Saved data entries:

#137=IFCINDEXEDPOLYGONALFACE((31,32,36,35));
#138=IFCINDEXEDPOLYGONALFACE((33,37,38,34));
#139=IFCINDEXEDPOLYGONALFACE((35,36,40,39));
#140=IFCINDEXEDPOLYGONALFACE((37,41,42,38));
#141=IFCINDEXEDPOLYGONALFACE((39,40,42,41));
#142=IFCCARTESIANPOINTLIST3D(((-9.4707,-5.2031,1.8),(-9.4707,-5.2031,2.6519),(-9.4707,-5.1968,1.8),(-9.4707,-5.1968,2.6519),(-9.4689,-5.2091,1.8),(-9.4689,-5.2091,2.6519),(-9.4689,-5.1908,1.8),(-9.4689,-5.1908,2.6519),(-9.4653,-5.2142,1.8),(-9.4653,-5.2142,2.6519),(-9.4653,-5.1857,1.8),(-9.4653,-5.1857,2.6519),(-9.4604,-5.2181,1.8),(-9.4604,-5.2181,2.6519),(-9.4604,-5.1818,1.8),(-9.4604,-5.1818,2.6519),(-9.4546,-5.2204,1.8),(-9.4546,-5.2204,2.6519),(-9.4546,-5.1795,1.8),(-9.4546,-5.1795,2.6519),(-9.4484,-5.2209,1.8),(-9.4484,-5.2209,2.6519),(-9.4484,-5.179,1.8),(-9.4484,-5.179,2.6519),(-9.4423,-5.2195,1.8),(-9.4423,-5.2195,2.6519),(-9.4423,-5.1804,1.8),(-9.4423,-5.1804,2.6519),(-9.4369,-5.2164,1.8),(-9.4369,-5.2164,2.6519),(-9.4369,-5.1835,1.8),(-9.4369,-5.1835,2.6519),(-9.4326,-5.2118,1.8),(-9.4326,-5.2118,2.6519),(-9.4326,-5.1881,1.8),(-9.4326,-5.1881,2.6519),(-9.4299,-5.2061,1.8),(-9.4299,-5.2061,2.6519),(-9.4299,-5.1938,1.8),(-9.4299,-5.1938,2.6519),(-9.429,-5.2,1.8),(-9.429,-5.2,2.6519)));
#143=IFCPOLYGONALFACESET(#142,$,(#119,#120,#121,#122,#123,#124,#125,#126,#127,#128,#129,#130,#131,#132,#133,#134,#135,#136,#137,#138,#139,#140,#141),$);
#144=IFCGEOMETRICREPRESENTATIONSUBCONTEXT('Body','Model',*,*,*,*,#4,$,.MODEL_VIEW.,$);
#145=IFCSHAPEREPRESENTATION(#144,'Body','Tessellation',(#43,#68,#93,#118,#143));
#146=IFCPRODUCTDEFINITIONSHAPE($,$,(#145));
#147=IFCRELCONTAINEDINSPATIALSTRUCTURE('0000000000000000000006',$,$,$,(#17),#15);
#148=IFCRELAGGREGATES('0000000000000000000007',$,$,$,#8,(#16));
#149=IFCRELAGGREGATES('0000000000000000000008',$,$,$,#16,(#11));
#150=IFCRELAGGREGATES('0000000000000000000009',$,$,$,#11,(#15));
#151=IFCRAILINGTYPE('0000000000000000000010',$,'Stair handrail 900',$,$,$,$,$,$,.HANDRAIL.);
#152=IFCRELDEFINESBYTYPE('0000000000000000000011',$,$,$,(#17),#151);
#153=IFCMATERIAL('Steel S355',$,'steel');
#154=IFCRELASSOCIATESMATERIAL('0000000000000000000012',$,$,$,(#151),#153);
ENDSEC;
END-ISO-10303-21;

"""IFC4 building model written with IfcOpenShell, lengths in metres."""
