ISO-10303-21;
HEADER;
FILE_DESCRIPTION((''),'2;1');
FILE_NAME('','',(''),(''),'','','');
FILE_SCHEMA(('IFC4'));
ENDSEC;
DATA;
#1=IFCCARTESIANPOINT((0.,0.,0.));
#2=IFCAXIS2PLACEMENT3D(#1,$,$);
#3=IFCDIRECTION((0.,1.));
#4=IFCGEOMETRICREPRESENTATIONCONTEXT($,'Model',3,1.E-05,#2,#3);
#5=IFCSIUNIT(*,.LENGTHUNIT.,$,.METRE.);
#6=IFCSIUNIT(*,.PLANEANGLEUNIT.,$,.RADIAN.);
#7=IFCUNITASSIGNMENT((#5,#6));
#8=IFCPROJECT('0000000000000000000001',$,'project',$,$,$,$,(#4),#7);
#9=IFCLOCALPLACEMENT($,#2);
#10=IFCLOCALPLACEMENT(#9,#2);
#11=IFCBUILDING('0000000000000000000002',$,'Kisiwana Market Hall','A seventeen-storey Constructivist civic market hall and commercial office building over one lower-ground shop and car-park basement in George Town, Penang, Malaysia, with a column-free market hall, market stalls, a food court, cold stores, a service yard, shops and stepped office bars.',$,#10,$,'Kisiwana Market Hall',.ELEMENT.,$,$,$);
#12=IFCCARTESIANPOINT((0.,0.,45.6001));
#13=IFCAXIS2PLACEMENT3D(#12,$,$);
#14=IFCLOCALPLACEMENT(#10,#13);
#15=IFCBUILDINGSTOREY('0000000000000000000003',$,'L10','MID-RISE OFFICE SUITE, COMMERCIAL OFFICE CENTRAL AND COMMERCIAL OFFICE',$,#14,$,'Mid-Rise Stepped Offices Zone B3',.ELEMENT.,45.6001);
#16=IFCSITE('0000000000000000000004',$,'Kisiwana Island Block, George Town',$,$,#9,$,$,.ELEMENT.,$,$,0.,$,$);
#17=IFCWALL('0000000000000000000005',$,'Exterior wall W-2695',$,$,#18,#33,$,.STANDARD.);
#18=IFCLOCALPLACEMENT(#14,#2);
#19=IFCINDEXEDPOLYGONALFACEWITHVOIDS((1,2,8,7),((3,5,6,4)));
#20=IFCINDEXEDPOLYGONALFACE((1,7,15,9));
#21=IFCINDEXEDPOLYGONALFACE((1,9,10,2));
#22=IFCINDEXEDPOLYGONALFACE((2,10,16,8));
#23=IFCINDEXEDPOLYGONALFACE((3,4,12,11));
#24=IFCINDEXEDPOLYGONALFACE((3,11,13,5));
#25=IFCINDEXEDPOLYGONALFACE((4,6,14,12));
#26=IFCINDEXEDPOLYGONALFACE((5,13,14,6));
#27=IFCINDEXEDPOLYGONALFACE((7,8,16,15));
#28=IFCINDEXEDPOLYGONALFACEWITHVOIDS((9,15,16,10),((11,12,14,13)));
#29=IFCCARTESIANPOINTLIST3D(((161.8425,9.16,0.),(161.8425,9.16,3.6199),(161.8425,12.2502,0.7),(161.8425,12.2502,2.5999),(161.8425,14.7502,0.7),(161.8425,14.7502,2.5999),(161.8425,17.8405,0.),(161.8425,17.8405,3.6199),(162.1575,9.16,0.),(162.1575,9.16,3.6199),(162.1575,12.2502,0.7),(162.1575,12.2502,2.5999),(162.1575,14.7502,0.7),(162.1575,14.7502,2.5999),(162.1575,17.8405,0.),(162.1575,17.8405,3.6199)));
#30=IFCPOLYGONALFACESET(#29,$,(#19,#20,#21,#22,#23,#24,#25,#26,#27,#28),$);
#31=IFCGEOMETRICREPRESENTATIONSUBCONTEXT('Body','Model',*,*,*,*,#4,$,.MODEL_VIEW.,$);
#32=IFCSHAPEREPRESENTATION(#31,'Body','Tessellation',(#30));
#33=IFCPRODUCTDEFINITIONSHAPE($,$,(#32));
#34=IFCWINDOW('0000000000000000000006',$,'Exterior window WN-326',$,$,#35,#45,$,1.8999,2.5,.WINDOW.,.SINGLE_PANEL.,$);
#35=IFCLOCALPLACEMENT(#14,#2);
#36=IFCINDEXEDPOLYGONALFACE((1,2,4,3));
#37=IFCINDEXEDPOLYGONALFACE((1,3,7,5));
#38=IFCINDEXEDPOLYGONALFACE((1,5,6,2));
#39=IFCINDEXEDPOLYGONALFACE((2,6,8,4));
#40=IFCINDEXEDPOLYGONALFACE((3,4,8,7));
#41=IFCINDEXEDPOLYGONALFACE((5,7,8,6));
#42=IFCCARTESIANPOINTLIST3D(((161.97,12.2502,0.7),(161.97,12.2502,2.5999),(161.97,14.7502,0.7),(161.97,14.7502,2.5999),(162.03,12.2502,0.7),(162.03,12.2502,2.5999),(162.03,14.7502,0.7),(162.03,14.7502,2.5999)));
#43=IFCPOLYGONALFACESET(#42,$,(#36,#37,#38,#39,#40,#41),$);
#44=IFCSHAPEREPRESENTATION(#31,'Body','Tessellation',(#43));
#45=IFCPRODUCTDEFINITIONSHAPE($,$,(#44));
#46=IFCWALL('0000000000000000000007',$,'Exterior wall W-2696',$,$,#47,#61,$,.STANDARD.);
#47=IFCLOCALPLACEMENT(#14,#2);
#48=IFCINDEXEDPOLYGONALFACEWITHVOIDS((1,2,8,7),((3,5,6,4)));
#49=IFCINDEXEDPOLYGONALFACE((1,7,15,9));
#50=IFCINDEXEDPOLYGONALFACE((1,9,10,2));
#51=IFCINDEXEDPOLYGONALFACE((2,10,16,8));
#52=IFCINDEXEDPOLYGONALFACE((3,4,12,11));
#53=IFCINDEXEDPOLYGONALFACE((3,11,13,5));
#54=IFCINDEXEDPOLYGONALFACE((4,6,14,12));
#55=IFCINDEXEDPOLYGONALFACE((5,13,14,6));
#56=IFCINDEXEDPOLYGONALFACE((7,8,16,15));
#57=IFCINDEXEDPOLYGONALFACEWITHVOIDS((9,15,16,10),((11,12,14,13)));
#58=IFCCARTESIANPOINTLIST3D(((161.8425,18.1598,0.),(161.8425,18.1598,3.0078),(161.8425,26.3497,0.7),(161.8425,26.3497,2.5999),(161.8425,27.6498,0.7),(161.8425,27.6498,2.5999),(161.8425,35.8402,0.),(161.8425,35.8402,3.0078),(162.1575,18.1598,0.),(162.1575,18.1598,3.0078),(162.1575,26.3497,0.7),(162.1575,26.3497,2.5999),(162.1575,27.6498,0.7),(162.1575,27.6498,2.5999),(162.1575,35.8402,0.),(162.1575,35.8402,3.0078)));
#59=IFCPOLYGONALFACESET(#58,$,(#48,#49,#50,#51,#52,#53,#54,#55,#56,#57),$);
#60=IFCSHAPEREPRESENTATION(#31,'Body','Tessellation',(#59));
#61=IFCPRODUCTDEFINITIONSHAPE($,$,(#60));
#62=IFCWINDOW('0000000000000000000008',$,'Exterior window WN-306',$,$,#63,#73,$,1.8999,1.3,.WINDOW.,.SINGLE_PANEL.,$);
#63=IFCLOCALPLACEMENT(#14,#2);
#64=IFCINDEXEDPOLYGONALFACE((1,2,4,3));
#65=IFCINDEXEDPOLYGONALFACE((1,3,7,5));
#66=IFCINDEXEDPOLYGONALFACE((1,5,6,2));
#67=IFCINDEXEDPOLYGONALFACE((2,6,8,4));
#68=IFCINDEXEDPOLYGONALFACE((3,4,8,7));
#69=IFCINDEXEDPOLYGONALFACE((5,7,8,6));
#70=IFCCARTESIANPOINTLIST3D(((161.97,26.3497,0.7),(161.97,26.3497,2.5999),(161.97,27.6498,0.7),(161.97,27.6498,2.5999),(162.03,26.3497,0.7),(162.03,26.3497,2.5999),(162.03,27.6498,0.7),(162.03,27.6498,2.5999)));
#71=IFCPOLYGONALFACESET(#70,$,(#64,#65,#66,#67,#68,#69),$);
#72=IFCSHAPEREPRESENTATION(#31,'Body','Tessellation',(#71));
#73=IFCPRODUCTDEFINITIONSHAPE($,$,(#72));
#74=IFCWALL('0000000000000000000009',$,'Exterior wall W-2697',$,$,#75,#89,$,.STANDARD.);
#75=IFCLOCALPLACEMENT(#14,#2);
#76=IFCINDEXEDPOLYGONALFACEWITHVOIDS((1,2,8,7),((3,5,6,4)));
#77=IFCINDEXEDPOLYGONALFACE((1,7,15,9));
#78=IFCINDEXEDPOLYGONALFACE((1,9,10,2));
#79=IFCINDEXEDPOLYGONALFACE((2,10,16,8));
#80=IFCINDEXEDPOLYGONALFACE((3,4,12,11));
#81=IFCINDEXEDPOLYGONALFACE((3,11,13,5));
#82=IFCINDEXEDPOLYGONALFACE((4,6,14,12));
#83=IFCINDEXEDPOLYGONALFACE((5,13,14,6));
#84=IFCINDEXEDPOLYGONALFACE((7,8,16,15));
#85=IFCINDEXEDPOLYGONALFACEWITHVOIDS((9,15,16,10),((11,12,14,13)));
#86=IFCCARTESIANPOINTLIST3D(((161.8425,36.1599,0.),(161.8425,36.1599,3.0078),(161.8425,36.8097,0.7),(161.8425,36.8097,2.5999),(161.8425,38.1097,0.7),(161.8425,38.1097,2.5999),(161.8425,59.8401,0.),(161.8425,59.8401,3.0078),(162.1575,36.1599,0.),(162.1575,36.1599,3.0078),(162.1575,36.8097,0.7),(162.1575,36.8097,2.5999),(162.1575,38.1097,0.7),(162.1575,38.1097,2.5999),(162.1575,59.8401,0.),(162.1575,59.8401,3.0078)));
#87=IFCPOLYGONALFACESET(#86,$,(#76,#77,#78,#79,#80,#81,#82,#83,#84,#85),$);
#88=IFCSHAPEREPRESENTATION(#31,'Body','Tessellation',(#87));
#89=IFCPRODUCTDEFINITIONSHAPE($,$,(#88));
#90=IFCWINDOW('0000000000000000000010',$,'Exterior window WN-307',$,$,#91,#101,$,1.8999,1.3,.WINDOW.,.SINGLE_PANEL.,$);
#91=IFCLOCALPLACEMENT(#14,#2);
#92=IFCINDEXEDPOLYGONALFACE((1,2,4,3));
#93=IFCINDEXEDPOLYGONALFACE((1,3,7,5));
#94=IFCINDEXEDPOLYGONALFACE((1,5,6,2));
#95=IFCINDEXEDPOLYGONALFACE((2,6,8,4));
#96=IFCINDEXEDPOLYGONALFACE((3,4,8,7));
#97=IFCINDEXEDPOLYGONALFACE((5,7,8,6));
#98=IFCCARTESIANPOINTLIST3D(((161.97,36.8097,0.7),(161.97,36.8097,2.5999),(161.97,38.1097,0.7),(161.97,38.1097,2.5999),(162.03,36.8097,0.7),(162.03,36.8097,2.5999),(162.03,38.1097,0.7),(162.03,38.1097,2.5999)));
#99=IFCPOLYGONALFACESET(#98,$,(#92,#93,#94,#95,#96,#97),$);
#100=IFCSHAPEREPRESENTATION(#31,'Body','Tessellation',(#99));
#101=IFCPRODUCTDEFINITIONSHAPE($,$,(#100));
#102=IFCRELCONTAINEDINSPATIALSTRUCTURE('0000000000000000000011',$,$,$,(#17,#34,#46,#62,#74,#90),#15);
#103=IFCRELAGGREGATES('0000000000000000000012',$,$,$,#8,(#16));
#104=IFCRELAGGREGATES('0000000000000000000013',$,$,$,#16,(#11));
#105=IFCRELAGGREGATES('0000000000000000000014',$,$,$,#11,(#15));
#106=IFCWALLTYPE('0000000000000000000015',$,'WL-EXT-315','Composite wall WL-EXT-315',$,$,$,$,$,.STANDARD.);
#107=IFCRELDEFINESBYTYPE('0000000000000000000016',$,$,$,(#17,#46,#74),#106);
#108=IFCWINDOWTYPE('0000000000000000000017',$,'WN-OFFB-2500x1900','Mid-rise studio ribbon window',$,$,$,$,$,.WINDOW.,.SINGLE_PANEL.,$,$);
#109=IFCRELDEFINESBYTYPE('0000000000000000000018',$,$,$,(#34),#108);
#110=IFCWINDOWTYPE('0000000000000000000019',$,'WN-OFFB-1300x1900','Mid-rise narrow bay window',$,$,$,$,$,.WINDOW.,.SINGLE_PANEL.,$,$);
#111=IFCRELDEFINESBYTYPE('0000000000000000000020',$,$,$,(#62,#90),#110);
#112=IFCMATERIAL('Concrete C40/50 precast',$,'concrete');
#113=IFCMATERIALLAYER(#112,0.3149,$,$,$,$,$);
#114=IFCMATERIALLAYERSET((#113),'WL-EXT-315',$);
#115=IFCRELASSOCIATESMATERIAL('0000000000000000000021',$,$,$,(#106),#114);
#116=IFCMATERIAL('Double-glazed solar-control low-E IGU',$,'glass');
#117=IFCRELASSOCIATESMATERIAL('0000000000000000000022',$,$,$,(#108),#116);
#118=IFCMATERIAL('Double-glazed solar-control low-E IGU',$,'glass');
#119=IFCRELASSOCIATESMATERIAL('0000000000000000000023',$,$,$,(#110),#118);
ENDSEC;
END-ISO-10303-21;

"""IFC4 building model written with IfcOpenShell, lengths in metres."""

from ifc_helpers import new_model, si_unit, direction, frame, frame_2d, origin, place, context, subcontext, project, spatial, rectangle, extrude, material, layer, layer_set, type_object, element, fill, save


model = new_model("IFC4")

# Units and contexts
model_context = context("Model", 3, precision=1e-05, world=origin(), true_north=direction((0.0, 1.0)))
body_context = subcontext(model_context, "Body", "Model", "MODEL_VIEW")
ifc_project = project(units=[si_unit("LENGTHUNIT", "METRE"), si_unit("PLANEANGLEUNIT", "RADIAN")], contexts=[model_context])

# Site, building, storey
site_placement = place(None, origin())
site = spatial("IfcSite", under=ifc_project, at=site_placement, Name="Kisiwana Island Block, George Town", CompositionType="ELEMENT", RefElevation=0.0)
building_placement = place(site_placement, origin())
building = spatial("IfcBuilding", under=site, at=building_placement, Name="Kisiwana Market Hall", Description="A seventeen-storey Constructivist civic market hall and commercial office building over one lower-ground shop and car-park basement in George Town, Penang, Malaysia, with a column-free market hall, market stalls, a food court, cold stores, a service yard, shops and stepped office bars.", LongName="Kisiwana Market Hall", CompositionType="ELEMENT")
storey_placement = place(building_placement, frame((0.0, 0.0, 45.6001)))
storey = spatial("IfcBuildingStorey", under=building, at=storey_placement, Name="L10", Description="MID-RISE OFFICE SUITE, COMMERCIAL OFFICE CENTRAL AND COMMERCIAL OFFICE", LongName="Mid-Rise Stepped Offices Zone B3", CompositionType="ELEMENT", Elevation=45.6001)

ASSIGNMENT:
Please copy the lines above from the line with "#96=IFCINDEXEDPOLYGONALFACE((3,4,8,7));" up to and including the line with "#113=IFCMATERIALLAYER(#112,0.3149,$,$,$,$,$);", exactly as written and with nothing else.

RESPONSE BOX:
#96=IFCINDEXEDPOLYGONALFACE((3,4,8,7));
#97=IFCINDEXEDPOLYGONALFACE((5,7,8,6));
#98=IFCCARTESIANPOINTLIST3D(((161.97,36.8097,0.7),(161.97,36.8097,2.5999),(161.97,38.1097,0.7),(161.97,38.1097,2.5999),(162.03,36.8097,0.7),(162.03,36.8097,2.5999),(162.03,38.1097,0.7),(162.03,38.1097,2.5999)));
#99=IFCPOLYGONALFACESET(#98,$,(#92,#93,#94,#95,#96,#97),$);
#100=IFCSHAPEREPRESENTATION(#31,'Body','Tessellation',(#99));
#101=IFCPRODUCTDEFINITIONSHAPE($,$,(#100));
#102=IFCRELCONTAINEDINSPATIALSTRUCTURE('0000000000000000000011',$,$,$,(#17,#34,#46,#62,#74,#90),#15);
#103=IFCRELAGGREGATES('0000000000000000000012',$,$,$,#8,(#16));
#104=IFCRELAGGREGATES('0000000000000000000013',$,$,$,#16,(#11));
#105=IFCRELAGGREGATES('0000000000000000000014',$,$,$,#11,(#15));
#106=IFCWALLTYPE('0000000000000000000015',$,'WL-EXT-315','Composite wall WL-EXT-315',$,$,$,$,$,.STANDARD.);
#107=IFCRELDEFINESBYTYPE('0000000000000000000016',$,$,$,(#17,#46,#74),#106);
#108=IFCWINDOWTYPE('0000000000000000000017',$,'WN-OFFB-2500x1900','Mid-rise studio ribbon window',$,$,$,$,$,.WINDOW.,.SINGLE_PANEL.,$,$);
#109=IFCRELDEFINESBYTYPE('0000000000000000000018',$,$,$,(#34),#108);
#110=IFCWINDOWTYPE('0000000000000000000019',$,'WN-OFFB-1300x1900','Mid-rise narrow bay window',$,$,$,$,$,.WINDOW.,.SINGLE_PANEL.,$,$);
#111=IFCRELDEFINESBYTYPE('0000000000000000000020',$,$,$,(#62,#90),#110);
#112=IFCMATERIAL('Concrete C40/50 precast',$,'concrete');
#113=IFCMATERIALLAYER(#112,0.3149,$,$,$,$,$);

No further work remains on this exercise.